Problem details — Give back, exactly as written, the lines from the beginning of the listing through the one that contains "#26=IFCPOLYGONALFACESET(#25,$,(#19,#20,#21,#22,#23,#24),$);".

[Extracted entries Boundary: Start]

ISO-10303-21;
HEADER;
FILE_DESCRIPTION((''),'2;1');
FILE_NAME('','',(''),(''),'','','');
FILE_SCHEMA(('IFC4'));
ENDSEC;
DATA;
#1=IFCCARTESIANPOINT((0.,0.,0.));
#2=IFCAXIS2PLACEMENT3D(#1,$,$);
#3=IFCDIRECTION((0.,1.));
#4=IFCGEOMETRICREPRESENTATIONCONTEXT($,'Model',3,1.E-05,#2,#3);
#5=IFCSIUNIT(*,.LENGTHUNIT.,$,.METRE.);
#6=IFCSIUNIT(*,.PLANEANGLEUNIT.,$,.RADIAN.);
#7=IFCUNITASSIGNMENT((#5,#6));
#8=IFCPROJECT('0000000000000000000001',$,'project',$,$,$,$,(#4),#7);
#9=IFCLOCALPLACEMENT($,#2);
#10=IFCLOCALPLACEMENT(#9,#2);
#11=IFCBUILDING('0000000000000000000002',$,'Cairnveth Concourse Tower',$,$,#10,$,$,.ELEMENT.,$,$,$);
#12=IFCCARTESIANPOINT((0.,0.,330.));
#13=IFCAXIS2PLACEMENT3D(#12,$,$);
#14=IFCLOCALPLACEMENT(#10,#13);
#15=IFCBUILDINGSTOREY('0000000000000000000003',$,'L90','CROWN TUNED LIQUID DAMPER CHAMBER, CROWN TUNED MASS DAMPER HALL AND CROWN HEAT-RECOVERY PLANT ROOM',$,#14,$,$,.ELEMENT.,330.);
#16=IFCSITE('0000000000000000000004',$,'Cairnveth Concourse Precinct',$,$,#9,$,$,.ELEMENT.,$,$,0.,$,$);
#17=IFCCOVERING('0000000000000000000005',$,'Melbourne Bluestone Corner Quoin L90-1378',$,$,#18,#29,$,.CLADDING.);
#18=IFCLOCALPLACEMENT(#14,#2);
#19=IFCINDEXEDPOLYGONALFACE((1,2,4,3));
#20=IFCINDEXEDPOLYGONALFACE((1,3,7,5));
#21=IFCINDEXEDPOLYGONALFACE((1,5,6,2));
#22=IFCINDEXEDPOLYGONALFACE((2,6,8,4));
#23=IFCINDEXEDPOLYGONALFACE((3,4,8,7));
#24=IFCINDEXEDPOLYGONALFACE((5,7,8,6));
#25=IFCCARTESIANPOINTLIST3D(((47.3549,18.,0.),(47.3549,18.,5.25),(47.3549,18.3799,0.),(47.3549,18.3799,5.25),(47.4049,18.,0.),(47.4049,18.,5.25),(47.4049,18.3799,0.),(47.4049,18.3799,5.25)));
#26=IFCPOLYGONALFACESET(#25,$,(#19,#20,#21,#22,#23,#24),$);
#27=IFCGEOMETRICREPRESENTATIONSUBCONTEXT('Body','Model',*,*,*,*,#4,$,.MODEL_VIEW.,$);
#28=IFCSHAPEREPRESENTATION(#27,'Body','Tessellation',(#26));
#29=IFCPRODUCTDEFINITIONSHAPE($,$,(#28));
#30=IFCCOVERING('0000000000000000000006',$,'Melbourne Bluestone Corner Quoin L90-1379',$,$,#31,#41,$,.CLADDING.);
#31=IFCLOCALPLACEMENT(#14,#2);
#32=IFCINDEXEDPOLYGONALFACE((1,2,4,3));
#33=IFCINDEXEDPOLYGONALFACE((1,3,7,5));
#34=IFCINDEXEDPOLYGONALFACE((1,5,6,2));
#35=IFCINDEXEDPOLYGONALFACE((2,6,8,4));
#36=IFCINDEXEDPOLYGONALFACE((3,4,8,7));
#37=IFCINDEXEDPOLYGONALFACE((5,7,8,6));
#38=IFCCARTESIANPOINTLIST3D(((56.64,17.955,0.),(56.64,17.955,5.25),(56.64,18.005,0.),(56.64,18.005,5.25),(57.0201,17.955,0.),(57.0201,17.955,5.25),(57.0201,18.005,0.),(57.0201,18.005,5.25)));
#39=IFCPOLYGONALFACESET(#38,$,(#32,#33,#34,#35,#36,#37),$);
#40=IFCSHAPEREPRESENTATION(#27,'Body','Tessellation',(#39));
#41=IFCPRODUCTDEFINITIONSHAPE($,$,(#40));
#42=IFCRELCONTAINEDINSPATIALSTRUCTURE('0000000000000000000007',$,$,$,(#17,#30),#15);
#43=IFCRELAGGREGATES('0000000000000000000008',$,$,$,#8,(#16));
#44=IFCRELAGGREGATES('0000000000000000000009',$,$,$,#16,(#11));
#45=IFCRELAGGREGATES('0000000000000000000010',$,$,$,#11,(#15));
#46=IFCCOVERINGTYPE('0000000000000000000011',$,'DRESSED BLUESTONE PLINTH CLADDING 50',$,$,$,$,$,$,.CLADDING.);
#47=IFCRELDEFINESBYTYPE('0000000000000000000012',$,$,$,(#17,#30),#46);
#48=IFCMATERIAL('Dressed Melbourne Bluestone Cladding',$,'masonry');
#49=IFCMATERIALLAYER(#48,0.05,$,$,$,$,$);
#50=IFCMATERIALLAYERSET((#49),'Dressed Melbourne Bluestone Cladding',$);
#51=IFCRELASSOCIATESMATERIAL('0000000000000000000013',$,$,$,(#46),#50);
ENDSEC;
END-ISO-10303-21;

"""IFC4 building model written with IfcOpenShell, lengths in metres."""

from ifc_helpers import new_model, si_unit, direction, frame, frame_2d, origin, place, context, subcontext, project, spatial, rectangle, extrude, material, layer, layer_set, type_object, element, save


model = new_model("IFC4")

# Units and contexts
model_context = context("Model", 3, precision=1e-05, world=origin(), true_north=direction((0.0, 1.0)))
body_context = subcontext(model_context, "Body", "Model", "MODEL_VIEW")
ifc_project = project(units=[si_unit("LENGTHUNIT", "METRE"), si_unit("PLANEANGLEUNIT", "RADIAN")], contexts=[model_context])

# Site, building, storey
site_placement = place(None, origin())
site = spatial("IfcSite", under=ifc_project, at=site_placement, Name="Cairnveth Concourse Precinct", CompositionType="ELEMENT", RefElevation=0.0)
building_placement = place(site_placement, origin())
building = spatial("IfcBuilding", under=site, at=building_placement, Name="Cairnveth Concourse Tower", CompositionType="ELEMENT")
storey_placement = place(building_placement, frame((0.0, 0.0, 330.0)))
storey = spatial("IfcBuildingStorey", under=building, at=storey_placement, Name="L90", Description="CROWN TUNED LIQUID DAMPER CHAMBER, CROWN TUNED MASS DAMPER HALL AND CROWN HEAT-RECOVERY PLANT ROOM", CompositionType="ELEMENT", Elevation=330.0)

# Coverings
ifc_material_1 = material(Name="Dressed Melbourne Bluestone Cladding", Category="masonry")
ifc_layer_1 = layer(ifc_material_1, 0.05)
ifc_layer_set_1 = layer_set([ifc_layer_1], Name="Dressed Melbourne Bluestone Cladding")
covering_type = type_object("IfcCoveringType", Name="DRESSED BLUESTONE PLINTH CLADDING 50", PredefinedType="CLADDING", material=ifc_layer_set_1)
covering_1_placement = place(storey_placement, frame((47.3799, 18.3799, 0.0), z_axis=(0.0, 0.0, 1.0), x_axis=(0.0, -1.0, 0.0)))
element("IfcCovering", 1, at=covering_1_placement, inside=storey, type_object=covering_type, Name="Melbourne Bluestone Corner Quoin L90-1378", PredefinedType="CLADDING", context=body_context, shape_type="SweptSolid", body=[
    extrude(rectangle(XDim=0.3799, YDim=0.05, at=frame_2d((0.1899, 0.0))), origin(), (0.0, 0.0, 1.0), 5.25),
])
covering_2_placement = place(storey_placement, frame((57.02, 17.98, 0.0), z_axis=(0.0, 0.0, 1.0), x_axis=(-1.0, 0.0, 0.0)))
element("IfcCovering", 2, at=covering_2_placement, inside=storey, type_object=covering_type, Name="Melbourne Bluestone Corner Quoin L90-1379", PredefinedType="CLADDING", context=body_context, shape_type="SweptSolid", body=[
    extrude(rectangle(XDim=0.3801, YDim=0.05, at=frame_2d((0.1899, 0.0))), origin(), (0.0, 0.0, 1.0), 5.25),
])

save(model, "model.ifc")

[Extracted entries Boundary: End]

Solution for this task —
ISO-10303-21;
HEADER;
FILE_DESCRIPTION((''),'2;1');
FILE_NAME('','',(''),(''),'','','');
FILE_SCHEMA(('IFC4'));
ENDSEC;
DATA;
#1=IFCCARTESIANPOINT((0.,0.,0.));
#2=IFCAXIS2PLACEMENT3D(#1,$,$);
#3=IFCDIRECTION((0.,1.));
#4=IFCGEOMETRICREPRESENTATIONCONTEXT($,'Model',3,1.E-05,#2,#3);
#5=IFCSIUNIT(*,.LENGTHUNIT.,$,.METRE.);
#6=IFCSIUNIT(*,.PLANEANGLEUNIT.,$,.RADIAN.);
#7=IFCUNITASSIGNMENT((#5,#6));
#8=IFCPROJECT('0000000000000000000001',$,'project',$,$,$,$,(#4),#7);
#9=IFCLOCALPLACEMENT($,#2);
#10=IFCLOCALPLACEMENT(#9,#2);
#11=IFCBUILDING('0000000000000000000002',$,'Cairnveth Concourse Tower',$,$,#10,$,$,.ELEMENT.,$,$,$);
#12=IFCCARTESIANPOINT((0.,0.,330.));
#13=IFCAXIS2PLACEMENT3D(#12,$,$);
#14=IFCLOCALPLACEMENT(#10,#13);
#15=IFCBUILDINGSTOREY('0000000000000000000003',$,'L90','CROWN TUNED LIQUID DAMPER CHAMBER, CROWN TUNED MASS DAMPER HALL AND CROWN HEAT-RECOVERY PLANT ROOM',$,#14,$,$,.ELEMENT.,330.);
#16=IFCSITE('0000000000000000000004',$,'Cairnveth Concourse Precinct',$,$,#9,$,$,.ELEMENT.,$,$,0.,$,$);
#17=IFCCOVERING('0000000000000000000005',$,'Melbourne Bluestone Corner Quoin L90-1378',$,$,#18,#29,$,.CLADDING.);
#18=IFCLOCALPLACEMENT(#14,#2);
#19=IFCINDEXEDPOLYGONALFACE((1,2,4,3));
#20=IFCINDEXEDPOLYGONALFACE((1,3,7,5));
#21=IFCINDEXEDPOLYGONALFACE((1,5,6,2));
#22=IFCINDEXEDPOLYGONALFACE((2,6,8,4));
#23=IFCINDEXEDPOLYGONALFACE((3,4,8,7));
#24=IFCINDEXEDPOLYGONALFACE((5,7,8,6));
#25=IFCCARTESIANPOINTLIST3D(((47.3549,18.,0.),(47.3549,18.,5.25),(47.3549,18.3799,0.),(47.3549,18.3799,5.25),(47.4049,18.,0.),(47.4049,18.,5.25),(47.4049,18.3799,0.),(47.4049,18.3799,5.25)));
#26=IFCPOLYGONALFACESET(#25,$,(#19,#20,#21,#22,#23,#24),$);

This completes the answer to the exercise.